▶ Data in this exercise

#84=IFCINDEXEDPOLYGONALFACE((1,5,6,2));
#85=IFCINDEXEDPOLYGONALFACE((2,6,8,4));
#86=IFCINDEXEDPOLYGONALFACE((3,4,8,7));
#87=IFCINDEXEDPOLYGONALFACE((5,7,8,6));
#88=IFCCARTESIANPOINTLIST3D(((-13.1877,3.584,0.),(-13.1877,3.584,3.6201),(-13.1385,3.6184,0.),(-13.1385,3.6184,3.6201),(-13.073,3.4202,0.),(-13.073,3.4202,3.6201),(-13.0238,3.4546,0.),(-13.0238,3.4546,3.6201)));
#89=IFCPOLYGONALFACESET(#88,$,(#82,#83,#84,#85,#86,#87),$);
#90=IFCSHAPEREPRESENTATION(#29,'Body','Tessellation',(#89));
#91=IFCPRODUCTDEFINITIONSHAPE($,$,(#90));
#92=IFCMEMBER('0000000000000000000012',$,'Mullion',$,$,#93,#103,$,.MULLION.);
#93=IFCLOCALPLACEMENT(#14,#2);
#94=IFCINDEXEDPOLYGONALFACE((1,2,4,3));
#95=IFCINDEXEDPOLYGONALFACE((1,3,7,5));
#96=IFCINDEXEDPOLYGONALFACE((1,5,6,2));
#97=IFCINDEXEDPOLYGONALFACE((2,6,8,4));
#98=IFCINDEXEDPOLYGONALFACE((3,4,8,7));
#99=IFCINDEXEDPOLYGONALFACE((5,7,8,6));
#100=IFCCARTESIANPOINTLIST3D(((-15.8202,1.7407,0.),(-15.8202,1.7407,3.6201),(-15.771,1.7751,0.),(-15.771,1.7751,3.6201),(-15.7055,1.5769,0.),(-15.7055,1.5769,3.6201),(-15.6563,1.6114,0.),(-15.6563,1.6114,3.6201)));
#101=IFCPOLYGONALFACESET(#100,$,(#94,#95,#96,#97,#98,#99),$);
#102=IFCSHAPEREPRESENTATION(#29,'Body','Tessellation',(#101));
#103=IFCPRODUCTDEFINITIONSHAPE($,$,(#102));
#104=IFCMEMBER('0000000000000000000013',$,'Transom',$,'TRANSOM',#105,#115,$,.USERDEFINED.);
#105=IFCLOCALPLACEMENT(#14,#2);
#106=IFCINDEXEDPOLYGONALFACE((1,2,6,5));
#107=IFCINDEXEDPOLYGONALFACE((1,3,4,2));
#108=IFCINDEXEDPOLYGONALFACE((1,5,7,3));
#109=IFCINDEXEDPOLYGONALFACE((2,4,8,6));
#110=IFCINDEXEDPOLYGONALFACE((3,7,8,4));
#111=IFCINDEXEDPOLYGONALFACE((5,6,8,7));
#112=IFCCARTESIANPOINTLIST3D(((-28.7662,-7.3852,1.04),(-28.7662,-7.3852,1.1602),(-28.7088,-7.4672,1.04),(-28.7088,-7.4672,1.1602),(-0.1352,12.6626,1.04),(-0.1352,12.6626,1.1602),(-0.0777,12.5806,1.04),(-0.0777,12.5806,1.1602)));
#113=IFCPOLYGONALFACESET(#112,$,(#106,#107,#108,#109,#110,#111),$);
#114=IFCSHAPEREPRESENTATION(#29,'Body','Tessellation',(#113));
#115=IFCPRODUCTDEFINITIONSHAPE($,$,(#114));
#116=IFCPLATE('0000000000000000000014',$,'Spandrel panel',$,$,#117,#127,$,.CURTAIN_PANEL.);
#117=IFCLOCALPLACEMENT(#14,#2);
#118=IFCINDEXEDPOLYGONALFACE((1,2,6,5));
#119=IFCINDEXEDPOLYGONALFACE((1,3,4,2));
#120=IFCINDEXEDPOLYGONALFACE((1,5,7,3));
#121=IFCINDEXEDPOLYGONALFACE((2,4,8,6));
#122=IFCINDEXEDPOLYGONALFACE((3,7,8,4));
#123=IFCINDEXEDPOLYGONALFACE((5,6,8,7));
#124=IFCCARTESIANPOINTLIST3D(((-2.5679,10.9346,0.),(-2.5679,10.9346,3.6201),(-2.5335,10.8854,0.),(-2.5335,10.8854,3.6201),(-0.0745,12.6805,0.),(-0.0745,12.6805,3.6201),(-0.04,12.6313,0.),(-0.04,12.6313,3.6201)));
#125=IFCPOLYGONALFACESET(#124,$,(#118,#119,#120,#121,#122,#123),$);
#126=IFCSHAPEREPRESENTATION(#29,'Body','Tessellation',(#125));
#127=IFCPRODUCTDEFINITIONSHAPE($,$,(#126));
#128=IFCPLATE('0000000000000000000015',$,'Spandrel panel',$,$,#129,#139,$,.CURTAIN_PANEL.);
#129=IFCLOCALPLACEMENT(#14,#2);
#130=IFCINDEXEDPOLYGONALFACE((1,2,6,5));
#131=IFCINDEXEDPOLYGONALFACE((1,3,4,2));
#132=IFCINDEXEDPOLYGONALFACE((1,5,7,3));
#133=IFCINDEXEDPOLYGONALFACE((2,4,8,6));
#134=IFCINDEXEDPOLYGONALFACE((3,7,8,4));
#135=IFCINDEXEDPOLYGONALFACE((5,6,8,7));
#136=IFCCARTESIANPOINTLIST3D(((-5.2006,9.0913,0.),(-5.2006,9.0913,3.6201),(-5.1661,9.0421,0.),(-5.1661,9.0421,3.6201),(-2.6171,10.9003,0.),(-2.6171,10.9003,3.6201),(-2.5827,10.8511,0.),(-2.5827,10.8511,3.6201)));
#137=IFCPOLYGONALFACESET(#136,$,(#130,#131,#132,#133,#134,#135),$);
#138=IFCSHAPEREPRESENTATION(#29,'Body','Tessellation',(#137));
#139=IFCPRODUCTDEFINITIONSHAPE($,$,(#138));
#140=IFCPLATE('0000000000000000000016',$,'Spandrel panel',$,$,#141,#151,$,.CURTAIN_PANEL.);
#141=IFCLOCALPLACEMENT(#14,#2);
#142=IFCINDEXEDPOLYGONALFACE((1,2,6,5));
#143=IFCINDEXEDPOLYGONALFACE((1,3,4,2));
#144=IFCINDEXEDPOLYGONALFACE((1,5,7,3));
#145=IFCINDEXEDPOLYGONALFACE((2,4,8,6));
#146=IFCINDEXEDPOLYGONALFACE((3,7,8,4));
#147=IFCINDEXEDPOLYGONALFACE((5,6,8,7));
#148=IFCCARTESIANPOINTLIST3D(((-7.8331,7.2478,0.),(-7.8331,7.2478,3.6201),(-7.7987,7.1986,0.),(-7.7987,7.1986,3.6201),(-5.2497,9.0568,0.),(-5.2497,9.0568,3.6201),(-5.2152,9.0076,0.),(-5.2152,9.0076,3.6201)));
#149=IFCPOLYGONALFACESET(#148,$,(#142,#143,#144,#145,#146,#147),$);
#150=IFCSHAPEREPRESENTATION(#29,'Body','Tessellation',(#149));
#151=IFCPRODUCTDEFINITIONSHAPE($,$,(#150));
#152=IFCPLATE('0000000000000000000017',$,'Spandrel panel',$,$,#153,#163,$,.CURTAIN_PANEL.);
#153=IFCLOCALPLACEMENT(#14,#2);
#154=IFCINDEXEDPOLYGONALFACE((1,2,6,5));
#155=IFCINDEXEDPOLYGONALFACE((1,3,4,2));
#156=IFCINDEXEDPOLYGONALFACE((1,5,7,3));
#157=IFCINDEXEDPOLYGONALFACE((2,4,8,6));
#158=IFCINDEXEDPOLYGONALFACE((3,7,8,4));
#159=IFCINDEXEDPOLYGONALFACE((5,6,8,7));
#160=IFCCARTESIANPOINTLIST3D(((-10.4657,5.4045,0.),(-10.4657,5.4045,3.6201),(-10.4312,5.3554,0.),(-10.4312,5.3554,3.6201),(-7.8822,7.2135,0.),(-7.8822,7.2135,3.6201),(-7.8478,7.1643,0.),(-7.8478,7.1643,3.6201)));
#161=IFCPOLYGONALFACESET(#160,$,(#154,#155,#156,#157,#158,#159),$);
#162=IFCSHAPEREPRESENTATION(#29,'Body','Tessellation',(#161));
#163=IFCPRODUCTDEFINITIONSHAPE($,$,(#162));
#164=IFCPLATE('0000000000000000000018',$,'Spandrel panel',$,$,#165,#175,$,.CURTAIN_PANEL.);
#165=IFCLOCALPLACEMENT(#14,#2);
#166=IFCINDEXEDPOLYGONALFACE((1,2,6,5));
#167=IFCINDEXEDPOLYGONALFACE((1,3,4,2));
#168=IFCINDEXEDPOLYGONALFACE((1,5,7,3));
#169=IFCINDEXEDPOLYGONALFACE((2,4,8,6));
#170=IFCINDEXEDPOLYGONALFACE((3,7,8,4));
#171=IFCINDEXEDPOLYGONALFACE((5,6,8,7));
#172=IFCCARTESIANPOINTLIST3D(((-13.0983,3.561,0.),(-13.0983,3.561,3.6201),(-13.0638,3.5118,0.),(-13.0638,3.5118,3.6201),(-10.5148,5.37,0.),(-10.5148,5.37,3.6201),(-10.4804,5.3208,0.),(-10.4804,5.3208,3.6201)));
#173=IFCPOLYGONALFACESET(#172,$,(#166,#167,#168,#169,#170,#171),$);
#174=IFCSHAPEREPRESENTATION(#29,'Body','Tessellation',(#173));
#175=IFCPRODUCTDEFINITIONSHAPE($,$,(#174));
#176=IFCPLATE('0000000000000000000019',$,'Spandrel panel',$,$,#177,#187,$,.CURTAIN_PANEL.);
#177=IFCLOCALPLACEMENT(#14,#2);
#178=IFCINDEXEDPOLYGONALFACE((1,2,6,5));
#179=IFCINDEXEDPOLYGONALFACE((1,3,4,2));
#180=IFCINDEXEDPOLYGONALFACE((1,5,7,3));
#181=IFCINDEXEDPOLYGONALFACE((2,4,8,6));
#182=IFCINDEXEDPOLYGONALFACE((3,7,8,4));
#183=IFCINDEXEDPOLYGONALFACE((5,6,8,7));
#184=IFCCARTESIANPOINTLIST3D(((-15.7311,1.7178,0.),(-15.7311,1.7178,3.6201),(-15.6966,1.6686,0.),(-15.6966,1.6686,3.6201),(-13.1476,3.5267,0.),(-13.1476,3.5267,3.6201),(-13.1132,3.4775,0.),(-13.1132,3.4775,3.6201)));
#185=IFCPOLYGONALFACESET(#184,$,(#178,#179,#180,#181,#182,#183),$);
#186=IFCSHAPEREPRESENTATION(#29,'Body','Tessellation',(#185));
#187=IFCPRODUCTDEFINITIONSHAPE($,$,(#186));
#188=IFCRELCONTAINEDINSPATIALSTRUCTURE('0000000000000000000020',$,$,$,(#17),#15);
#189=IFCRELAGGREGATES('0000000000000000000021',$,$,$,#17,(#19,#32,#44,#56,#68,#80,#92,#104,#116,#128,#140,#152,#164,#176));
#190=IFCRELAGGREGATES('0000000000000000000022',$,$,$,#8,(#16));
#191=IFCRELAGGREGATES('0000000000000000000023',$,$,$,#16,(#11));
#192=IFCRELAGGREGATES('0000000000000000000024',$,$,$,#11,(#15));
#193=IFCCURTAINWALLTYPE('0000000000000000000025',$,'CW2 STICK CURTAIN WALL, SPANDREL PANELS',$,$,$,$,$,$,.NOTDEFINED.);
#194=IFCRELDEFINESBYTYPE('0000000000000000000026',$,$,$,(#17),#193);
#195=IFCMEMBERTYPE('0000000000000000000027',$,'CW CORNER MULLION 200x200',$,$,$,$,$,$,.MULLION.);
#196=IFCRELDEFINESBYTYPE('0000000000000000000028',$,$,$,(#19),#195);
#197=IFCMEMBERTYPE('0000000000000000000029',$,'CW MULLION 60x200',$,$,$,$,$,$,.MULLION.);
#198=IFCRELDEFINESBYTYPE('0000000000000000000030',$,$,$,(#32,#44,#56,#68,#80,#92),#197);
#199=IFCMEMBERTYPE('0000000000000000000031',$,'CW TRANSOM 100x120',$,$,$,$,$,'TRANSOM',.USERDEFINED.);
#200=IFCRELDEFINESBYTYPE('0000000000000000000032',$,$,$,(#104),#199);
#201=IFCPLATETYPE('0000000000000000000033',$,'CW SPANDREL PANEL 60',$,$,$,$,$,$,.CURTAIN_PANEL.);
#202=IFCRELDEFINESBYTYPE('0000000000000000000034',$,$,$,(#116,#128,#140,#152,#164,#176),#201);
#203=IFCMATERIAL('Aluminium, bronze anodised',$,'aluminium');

▶ Exercise directions
From the records above, print only the lines between the one holding "#106=IFCINDEXEDPOLYGONALFACE((1,2,6,5));" and the one holding "#111=IFCINDEXEDPOLYGONALFACE((5,6,8,7));", inclusive, exactly as they stand.

▶ Output for this task
#106=IFCINDEXEDPOLYGONALFACE((1,2,6,5));
#107=IFCINDEXEDPOLYGONALFACE((1,3,4,2));
#108=IFCINDEXEDPOLYGONALFACE((1,5,7,3));
#109=IFCINDEXEDPOLYGONALFACE((2,4,8,6));
#110=IFCINDEXEDPOLYGONALFACE((3,7,8,4));
#111=IFCINDEXEDPOLYGONALFACE((5,6,8,7));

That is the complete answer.